§ WORK TASK:
When a line of the records contains "Timber", copy it.

§ THE DATA:
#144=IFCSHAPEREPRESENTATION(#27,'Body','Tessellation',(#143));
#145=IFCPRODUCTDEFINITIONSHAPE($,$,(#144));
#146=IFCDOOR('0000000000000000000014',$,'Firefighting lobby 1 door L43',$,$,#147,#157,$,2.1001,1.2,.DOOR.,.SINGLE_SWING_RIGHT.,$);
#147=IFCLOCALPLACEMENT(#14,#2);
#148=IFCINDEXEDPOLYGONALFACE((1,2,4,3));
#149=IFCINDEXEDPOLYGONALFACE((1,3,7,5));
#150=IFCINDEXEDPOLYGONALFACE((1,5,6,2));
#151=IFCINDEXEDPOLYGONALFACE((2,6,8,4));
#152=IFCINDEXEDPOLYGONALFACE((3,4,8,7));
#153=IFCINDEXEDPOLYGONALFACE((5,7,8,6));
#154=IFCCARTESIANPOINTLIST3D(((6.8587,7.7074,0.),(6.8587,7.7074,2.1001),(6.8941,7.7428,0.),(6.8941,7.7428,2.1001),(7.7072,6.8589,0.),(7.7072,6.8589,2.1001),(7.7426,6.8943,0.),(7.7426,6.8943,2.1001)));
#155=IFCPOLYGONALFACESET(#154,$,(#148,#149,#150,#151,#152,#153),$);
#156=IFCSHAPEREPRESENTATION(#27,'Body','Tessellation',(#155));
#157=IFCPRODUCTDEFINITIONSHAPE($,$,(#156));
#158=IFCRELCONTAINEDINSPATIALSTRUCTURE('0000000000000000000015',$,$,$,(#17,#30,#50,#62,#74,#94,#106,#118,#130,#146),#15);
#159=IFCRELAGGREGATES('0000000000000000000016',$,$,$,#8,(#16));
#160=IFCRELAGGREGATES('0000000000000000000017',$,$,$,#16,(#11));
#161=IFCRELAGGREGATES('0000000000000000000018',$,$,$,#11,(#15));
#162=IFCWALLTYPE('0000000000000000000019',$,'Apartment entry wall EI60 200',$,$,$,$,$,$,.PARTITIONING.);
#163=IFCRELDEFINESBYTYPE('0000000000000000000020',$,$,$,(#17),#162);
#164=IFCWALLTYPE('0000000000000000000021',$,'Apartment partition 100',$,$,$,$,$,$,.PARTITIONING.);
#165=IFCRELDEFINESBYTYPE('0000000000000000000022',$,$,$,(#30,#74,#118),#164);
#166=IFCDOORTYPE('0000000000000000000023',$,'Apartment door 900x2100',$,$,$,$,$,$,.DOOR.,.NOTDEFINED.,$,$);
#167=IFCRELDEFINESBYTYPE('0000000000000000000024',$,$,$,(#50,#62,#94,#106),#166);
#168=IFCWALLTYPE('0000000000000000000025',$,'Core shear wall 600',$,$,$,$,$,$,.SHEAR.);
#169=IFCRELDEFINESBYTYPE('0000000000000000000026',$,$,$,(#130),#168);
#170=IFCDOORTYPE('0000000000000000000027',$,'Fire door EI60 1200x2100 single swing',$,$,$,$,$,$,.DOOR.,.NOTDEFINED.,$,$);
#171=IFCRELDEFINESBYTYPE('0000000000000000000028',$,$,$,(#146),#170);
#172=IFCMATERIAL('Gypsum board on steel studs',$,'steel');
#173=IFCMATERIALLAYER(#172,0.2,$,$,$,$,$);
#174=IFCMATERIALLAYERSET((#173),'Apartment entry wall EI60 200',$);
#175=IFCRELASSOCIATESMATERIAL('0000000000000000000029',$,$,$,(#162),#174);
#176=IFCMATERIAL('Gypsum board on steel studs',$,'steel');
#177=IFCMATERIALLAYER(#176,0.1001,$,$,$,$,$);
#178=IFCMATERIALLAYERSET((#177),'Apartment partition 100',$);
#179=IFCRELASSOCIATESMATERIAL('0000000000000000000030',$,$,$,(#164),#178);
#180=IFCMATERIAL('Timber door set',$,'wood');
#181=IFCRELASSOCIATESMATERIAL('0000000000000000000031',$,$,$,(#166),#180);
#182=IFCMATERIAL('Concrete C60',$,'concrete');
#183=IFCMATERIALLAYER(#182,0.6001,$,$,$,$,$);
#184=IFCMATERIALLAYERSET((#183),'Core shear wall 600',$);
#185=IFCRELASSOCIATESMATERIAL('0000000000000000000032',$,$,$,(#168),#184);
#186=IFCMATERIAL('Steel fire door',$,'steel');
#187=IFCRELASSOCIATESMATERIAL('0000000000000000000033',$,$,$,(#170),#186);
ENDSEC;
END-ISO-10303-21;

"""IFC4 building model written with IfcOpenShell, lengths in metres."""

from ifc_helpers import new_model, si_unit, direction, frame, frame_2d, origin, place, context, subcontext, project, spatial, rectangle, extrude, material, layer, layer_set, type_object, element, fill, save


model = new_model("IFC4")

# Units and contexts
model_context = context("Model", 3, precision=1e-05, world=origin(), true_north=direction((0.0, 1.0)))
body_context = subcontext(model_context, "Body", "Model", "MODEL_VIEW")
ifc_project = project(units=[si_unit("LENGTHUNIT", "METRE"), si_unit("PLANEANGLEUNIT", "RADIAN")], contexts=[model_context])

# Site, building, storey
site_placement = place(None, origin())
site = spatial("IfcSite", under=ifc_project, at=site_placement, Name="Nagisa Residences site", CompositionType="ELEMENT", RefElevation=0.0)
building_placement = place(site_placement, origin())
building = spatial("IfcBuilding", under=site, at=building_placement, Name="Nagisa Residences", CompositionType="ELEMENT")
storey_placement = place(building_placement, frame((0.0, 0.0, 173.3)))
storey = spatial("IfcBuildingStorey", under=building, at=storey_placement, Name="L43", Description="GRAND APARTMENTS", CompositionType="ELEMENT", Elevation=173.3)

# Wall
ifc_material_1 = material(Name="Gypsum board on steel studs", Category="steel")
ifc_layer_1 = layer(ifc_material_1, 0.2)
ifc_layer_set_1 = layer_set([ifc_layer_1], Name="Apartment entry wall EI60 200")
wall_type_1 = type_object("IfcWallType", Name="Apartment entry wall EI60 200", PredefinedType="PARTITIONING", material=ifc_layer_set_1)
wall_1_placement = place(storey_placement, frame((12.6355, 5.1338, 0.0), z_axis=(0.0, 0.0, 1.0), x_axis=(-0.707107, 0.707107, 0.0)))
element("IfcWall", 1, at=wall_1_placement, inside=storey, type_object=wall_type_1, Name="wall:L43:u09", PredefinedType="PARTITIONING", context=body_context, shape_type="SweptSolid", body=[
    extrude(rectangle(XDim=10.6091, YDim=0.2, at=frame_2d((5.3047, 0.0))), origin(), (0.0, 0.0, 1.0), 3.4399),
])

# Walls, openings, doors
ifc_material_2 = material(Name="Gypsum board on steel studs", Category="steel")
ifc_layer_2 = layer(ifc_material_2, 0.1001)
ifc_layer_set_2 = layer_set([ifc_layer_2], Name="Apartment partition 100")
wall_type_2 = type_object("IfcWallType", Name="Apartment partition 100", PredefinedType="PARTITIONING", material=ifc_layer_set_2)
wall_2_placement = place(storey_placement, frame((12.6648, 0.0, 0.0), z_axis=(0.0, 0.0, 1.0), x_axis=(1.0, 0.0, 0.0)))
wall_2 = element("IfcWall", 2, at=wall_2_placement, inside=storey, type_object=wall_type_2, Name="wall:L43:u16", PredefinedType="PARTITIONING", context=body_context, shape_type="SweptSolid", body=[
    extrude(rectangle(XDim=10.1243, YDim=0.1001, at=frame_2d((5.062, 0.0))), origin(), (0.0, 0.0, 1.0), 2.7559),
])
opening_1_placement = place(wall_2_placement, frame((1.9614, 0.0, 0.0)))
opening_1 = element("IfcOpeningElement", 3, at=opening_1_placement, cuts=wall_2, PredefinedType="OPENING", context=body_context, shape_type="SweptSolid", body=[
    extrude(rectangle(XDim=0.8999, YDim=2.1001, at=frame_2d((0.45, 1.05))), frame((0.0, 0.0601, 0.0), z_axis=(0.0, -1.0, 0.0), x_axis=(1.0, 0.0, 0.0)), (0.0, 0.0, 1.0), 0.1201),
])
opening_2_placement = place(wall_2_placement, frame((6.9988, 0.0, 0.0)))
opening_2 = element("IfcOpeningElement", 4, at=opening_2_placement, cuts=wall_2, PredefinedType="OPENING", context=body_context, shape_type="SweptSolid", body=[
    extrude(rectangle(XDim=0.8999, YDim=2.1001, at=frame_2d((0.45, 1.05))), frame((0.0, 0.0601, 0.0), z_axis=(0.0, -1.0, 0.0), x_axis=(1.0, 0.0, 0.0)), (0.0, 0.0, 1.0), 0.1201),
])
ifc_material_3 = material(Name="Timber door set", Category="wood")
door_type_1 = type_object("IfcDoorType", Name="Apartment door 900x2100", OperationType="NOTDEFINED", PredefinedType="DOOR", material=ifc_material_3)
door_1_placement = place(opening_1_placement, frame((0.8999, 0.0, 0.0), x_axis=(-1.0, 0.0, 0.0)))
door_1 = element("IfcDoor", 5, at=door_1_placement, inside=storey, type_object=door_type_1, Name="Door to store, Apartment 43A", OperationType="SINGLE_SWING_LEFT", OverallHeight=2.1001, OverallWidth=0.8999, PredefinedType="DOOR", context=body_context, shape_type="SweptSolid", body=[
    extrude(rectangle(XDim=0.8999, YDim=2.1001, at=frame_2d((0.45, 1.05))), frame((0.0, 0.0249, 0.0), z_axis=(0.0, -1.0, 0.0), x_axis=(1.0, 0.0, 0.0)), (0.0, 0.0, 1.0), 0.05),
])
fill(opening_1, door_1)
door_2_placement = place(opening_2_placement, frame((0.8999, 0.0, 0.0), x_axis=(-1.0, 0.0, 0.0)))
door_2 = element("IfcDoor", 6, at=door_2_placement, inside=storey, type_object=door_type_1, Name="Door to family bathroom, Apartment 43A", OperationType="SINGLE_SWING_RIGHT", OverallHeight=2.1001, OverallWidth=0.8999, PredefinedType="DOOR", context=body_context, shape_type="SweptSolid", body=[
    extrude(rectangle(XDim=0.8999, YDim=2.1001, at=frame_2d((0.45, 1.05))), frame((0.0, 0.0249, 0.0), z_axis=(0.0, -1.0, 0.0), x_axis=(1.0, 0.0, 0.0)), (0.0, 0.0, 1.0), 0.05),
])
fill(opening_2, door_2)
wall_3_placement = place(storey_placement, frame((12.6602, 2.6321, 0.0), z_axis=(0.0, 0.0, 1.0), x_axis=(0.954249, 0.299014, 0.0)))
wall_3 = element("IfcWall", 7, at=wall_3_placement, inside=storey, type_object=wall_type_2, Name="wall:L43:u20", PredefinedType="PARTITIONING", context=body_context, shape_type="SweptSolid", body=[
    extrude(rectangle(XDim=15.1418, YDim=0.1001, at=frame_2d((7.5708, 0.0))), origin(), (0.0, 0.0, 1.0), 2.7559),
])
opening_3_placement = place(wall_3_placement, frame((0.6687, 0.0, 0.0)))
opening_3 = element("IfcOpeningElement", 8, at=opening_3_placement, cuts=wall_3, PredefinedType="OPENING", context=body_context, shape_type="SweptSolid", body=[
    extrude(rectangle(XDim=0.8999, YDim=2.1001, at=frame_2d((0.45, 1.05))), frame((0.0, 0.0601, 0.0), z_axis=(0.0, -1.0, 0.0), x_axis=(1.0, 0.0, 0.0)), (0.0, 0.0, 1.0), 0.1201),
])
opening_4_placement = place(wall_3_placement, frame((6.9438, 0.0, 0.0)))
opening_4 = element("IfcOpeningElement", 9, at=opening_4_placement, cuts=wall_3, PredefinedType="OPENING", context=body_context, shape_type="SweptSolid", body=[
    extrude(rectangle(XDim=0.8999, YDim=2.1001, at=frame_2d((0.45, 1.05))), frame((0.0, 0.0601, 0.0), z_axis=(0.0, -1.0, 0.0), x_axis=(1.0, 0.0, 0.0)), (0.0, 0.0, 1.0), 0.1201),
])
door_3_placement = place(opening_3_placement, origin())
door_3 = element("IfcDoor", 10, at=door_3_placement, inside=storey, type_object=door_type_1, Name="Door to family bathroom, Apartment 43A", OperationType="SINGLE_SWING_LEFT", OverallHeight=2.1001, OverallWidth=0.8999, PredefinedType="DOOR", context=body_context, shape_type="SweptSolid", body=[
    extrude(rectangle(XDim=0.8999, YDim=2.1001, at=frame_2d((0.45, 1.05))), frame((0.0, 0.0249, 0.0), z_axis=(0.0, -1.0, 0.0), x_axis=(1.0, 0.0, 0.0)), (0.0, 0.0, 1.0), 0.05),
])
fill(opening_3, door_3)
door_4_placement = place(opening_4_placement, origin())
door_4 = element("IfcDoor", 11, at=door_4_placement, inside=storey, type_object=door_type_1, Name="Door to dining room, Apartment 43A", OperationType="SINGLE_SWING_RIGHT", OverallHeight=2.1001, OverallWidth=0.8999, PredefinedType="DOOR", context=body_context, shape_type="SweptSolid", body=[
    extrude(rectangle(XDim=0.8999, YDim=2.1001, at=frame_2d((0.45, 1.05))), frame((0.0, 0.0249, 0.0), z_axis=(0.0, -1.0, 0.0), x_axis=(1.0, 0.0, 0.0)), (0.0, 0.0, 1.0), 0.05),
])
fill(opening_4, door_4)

§ ANSWER BOX:
#180=IFCMATERIAL('Timber door set',$,'wood');
ifc_material_3 = material(Name="Timber door set", Category="wood")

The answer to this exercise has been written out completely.